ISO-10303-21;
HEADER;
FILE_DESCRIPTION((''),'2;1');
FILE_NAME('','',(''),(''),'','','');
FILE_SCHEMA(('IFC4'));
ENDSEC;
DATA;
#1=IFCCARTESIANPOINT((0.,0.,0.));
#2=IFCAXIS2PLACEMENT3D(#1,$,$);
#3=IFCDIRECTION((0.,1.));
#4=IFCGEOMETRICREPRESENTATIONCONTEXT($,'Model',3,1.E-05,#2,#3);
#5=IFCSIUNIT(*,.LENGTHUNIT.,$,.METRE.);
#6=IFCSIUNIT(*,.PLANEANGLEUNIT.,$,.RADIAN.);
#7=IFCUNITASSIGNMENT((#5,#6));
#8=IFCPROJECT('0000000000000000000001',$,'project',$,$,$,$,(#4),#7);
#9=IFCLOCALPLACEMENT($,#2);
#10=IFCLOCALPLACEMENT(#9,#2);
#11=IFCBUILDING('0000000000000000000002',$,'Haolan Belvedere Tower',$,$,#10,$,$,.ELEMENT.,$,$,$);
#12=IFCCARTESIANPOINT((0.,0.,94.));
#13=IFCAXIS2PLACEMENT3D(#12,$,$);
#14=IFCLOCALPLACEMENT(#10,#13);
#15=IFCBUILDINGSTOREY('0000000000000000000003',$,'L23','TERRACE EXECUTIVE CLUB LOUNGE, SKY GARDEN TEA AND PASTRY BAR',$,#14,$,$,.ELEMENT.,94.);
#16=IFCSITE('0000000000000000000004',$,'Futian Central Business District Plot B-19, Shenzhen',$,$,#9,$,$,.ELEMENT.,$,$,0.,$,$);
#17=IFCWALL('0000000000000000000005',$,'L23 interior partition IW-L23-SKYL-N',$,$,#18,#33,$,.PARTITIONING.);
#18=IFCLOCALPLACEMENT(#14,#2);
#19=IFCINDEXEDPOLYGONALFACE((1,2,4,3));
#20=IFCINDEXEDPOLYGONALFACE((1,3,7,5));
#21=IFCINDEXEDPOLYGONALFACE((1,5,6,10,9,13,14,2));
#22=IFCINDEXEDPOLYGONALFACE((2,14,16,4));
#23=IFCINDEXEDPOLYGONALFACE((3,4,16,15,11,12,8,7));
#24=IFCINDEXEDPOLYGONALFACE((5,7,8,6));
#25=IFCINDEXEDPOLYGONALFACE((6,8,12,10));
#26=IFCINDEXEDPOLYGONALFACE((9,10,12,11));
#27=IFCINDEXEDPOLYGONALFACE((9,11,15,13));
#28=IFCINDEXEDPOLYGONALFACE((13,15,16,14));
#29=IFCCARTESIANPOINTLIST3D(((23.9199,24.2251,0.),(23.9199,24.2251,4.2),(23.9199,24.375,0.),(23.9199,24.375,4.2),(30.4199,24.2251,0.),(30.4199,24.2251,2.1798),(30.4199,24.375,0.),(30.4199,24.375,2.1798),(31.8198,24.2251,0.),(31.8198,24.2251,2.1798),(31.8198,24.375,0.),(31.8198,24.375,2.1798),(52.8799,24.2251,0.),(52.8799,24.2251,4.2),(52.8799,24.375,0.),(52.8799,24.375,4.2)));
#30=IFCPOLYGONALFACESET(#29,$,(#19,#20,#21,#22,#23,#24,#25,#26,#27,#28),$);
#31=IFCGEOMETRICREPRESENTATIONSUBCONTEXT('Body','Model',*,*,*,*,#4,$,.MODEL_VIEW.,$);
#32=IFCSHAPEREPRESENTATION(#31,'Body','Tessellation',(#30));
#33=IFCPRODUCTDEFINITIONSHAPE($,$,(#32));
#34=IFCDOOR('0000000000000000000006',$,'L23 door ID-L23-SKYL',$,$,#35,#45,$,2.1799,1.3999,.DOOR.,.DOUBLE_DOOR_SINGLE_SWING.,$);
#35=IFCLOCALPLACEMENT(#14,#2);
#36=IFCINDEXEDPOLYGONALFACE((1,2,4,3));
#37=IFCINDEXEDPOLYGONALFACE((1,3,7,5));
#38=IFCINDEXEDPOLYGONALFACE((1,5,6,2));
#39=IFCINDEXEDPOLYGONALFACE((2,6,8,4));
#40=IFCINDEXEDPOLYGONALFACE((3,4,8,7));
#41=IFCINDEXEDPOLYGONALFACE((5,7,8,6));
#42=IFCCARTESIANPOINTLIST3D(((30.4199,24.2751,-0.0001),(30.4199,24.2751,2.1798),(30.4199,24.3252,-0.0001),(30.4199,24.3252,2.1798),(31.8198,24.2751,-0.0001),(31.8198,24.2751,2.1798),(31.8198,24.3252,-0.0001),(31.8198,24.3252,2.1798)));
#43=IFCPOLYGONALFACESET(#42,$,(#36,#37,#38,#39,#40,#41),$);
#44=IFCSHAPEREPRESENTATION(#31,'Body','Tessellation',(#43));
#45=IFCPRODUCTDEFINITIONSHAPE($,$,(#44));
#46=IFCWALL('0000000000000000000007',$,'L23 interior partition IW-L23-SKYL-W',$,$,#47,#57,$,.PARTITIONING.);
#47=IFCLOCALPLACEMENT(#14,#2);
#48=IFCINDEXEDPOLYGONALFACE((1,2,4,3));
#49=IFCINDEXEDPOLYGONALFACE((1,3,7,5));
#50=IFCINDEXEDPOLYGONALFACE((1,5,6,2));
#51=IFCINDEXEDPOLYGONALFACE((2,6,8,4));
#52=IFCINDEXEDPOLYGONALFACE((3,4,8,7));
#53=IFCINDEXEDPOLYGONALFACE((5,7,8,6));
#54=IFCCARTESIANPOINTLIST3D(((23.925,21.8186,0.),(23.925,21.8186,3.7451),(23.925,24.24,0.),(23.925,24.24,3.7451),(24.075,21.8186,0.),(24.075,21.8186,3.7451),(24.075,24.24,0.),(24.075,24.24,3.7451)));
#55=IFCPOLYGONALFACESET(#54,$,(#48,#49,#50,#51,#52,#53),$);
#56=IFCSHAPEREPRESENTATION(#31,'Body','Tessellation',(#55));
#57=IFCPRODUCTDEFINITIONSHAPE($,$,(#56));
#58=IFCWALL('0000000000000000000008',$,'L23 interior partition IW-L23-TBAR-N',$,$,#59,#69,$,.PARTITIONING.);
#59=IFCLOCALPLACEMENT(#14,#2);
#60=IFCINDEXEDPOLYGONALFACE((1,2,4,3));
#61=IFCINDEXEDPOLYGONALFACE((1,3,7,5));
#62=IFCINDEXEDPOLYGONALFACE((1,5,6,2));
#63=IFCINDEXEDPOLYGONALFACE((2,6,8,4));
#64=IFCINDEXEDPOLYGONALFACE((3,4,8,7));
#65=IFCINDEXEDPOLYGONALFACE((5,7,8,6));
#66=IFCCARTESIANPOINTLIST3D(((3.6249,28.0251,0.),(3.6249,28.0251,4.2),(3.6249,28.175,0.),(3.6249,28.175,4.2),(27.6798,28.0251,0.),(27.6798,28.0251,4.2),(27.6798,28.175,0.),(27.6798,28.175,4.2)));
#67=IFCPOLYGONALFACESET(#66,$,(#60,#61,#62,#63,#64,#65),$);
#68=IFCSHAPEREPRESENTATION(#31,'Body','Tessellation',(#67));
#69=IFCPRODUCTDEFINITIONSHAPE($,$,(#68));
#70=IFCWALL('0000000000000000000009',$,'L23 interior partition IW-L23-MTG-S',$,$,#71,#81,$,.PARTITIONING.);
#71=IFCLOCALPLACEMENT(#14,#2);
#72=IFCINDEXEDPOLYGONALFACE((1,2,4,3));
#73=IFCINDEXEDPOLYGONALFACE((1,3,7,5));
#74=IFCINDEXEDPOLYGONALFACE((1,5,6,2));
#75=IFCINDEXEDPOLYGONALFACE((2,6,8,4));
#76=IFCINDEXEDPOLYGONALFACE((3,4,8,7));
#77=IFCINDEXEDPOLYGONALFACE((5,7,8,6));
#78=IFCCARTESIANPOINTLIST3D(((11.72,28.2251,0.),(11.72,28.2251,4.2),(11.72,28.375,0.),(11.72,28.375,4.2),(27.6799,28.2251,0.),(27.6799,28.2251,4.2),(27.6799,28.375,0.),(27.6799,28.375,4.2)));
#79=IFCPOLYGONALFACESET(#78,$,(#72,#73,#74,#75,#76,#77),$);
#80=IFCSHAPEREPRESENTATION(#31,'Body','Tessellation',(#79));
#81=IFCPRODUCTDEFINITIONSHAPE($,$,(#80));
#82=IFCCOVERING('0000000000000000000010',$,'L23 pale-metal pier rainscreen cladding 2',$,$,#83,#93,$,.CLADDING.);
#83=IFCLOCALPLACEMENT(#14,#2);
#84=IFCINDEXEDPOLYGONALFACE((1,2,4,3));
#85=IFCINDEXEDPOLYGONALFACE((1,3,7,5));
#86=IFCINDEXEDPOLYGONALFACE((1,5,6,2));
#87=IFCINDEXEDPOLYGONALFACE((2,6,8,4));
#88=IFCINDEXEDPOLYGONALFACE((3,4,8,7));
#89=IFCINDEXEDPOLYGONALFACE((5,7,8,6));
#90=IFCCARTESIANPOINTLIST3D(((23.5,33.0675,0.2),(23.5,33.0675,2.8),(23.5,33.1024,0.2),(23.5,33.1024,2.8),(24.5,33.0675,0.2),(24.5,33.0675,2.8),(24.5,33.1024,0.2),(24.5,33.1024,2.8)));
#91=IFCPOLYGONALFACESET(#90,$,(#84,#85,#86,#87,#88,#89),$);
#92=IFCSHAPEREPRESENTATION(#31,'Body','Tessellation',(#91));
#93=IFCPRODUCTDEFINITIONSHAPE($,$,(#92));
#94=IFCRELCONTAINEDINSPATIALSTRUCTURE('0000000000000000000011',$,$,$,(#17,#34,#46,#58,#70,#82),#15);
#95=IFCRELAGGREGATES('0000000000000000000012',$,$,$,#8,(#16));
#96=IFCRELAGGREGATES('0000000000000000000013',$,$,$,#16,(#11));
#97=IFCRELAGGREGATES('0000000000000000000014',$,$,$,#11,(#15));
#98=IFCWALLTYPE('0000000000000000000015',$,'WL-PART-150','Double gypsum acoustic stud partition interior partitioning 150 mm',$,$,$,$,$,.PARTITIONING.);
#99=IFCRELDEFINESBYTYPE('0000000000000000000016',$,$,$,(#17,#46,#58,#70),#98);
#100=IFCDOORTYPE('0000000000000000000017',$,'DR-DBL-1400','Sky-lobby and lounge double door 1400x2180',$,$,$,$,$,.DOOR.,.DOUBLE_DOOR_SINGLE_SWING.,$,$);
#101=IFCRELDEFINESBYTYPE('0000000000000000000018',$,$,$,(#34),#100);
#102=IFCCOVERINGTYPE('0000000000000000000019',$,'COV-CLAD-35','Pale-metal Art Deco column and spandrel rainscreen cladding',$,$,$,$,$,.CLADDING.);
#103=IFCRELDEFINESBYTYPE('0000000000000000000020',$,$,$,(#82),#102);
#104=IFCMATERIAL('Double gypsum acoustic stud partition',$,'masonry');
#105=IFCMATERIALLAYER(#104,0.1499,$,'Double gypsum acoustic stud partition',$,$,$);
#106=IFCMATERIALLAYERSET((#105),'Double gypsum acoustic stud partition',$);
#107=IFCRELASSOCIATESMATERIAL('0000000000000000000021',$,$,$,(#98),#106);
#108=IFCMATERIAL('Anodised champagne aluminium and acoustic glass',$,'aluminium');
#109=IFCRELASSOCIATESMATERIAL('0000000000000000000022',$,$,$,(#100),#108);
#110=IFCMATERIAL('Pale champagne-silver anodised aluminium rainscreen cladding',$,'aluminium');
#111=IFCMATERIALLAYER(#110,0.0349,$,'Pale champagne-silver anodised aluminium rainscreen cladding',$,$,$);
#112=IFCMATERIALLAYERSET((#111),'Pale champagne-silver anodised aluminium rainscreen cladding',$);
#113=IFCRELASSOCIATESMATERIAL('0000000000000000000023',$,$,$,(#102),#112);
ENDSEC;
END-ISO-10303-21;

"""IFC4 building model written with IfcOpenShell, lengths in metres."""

from ifc_helpers import new_model, si_unit, direction, frame, frame_2d, origin, origin_2d, place, context, subcontext, project, spatial, rectangle, extrude, material, layer, layer_set, type_object, element, fill, save


model = new_model("IFC4")

# Units and contexts
model_context = context("Model", 3, precision=1e-05, world=origin(), true_north=direction((0.0, 1.0)))
body_context = subcontext(model_context, "Body", "Model", "MODEL_VIEW")
ifc_project = project(units=[si_unit("LENGTHUNIT", "METRE"), si_unit("PLANEANGLEUNIT", "RADIAN")], contexts=[model_context])

# Site, building, storey
site_placement = place(None, origin())
site = spatial("IfcSite", under=ifc_project, at=site_placement, Name="Futian Central Business District Plot B-19, Shenzhen", CompositionType="ELEMENT", RefElevation=0.0)
building_placement = place(site_placement, origin())
building = spatial("IfcBuilding", under=site, at=building_placement, Name="Haolan Belvedere Tower", CompositionType="ELEMENT")
storey_placement = place(building_placement, frame((0.0, 0.0, 94.0)))
storey = spatial("IfcBuildingStorey", under=building, at=storey_placement, Name="L23", Description="TERRACE EXECUTIVE CLUB LOUNGE, SKY GARDEN TEA AND PASTRY BAR", CompositionType="ELEMENT", Elevation=94.0)

# Wall, opening, door
ifc_material_1 = material(Name="Double gypsum acoustic stud partition", Category="masonry")
ifc_layer_1 = layer(ifc_material_1, 0.1499, Name="Double gypsum acoustic stud partition")
ifc_layer_set_1 = layer_set([ifc_layer_1], Name="Double gypsum acoustic stud partition")
wall_type_1 = type_object("IfcWallType", Name="WL-PART-150", Description="Double gypsum acoustic stud partition interior partitioning 150 mm", PredefinedType="PARTITIONING", material=ifc_layer_set_1)
wall_1_placement = place(storey_placement, frame((23.9199, 24.3, 0.0), z_axis=(0.0, 0.0, 1.0), x_axis=(1.0, 0.0, 0.0)))
wall_1 = element("IfcWall", 1, at=wall_1_placement, inside=storey, type_object=wall_type_1, Name="L23 interior partition IW-L23-SKYL-N", PredefinedType="PARTITIONING", context=body_context, shape_type="SweptSolid", body=[
    extrude(rectangle(XDim=28.96, YDim=0.1499, at=frame_2d((14.48, 0.0))), origin(), (0.0, 0.0, 1.0), 4.2),
])
opening_1_placement = place(wall_1_placement, frame((7.8999, 0.0, 0.0), z_axis=(0.0, 0.0, 1.0), x_axis=(-1.0, 0.0, 0.0)))
opening_1 = element("IfcOpeningElement", 2, at=opening_1_placement, cuts=wall_1, PredefinedType="OPENING", context=body_context, shape_type="SweptSolid", body=[
    extrude(rectangle(XDim=1.3999, YDim=2.1799, at=frame_2d((0.7, 1.0898))), frame((0.0, 0.085, 0.0), z_axis=(0.0, -1.0, 0.0), x_axis=(1.0, 0.0, 0.0)), (0.0, 0.0, 1.0), 0.1699),
])
ifc_material_2 = material(Name="Anodised champagne aluminium and acoustic glass", Category="aluminium")
door_type_1 = type_object("IfcDoorType", Name="DR-DBL-1400", Description="Sky-lobby and lounge double door 1400x2180", OperationType="DOUBLE_DOOR_SINGLE_SWING", PredefinedType="DOOR", material=ifc_material_2)
door_1_placement = place(opening_1_placement, origin())
door_1 = element("IfcDoor", 3, at=door_1_placement, inside=storey, type_object=door_type_1, Name="L23 door ID-L23-SKYL", OperationType="DOUBLE_DOOR_SINGLE_SWING", OverallHeight=2.1799, OverallWidth=1.3999, PredefinedType="DOOR", context=body_context, shape_type="SweptSolid", body=[
    extrude(rectangle(XDim=1.3999, YDim=2.1799, at=frame_2d((0.7, 1.0898))), frame((0.0, 0.0249, 0.0), z_axis=(0.0, -1.0, 0.0), x_axis=(1.0, 0.0, 0.0)), (0.0, 0.0, 1.0), 0.05),
])
fill(opening_1, door_1)

# Walls
wall_2_placement = place(storey_placement, frame((24.0, 21.8186, 0.0), z_axis=(0.0, 0.0, 1.0), x_axis=(0.0, 1.0, 0.0)))
element("IfcWall", 4, at=wall_2_placement, inside=storey, type_object=wall_type_1, Name="L23 interior partition IW-L23-SKYL-W", PredefinedType="PARTITIONING", context=body_context, shape_type="SweptSolid", body=[
    extrude(rectangle(XDim=2.4214, YDim=0.1499, at=frame_2d((1.2107, 0.0))), origin(), (0.0, 0.0, 1.0), 3.7451),
])
wall_3_placement = place(storey_placement, frame((3.625, 28.1001, 0.0), z_axis=(0.0, 0.0, 1.0), x_axis=(1.0, 0.0, 0.0)))
element("IfcWall", 5, at=wall_3_placement, inside=storey, type_object=wall_type_1, Name="L23 interior partition IW-L23-TBAR-N", PredefinedType="PARTITIONING", context=body_context, shape_type="SweptSolid", body=[
    extrude(rectangle(XDim=24.0549, YDim=0.1499, at=frame_2d((12.0273, 0.0))), origin(), (0.0, 0.0, 1.0), 4.2),
])
wall_4_placement = place(storey_placement, frame((11.72, 28.3, 0.0), z_axis=(0.0, 0.0, 1.0), x_axis=(1.0, 0.0, 0.0)))
element("IfcWall", 6, at=wall_4_placement, inside=storey, type_object=wall_type_1, Name="L23 interior partition IW-L23-MTG-S", PredefinedType="PARTITIONING", context=body_context, shape_type="SweptSolid", body=[
    extrude(rectangle(XDim=15.96, YDim=0.1499, at=frame_2d((7.98, 0.0))), origin(), (0.0, 0.0, 1.0), 4.2),
])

.....

| Task requirements |
Taking the lines of the listing one by one, count those that contain "IFCRELASSOCIATESMATERIAL", and answer with the number only.

| Response to the exercise |
3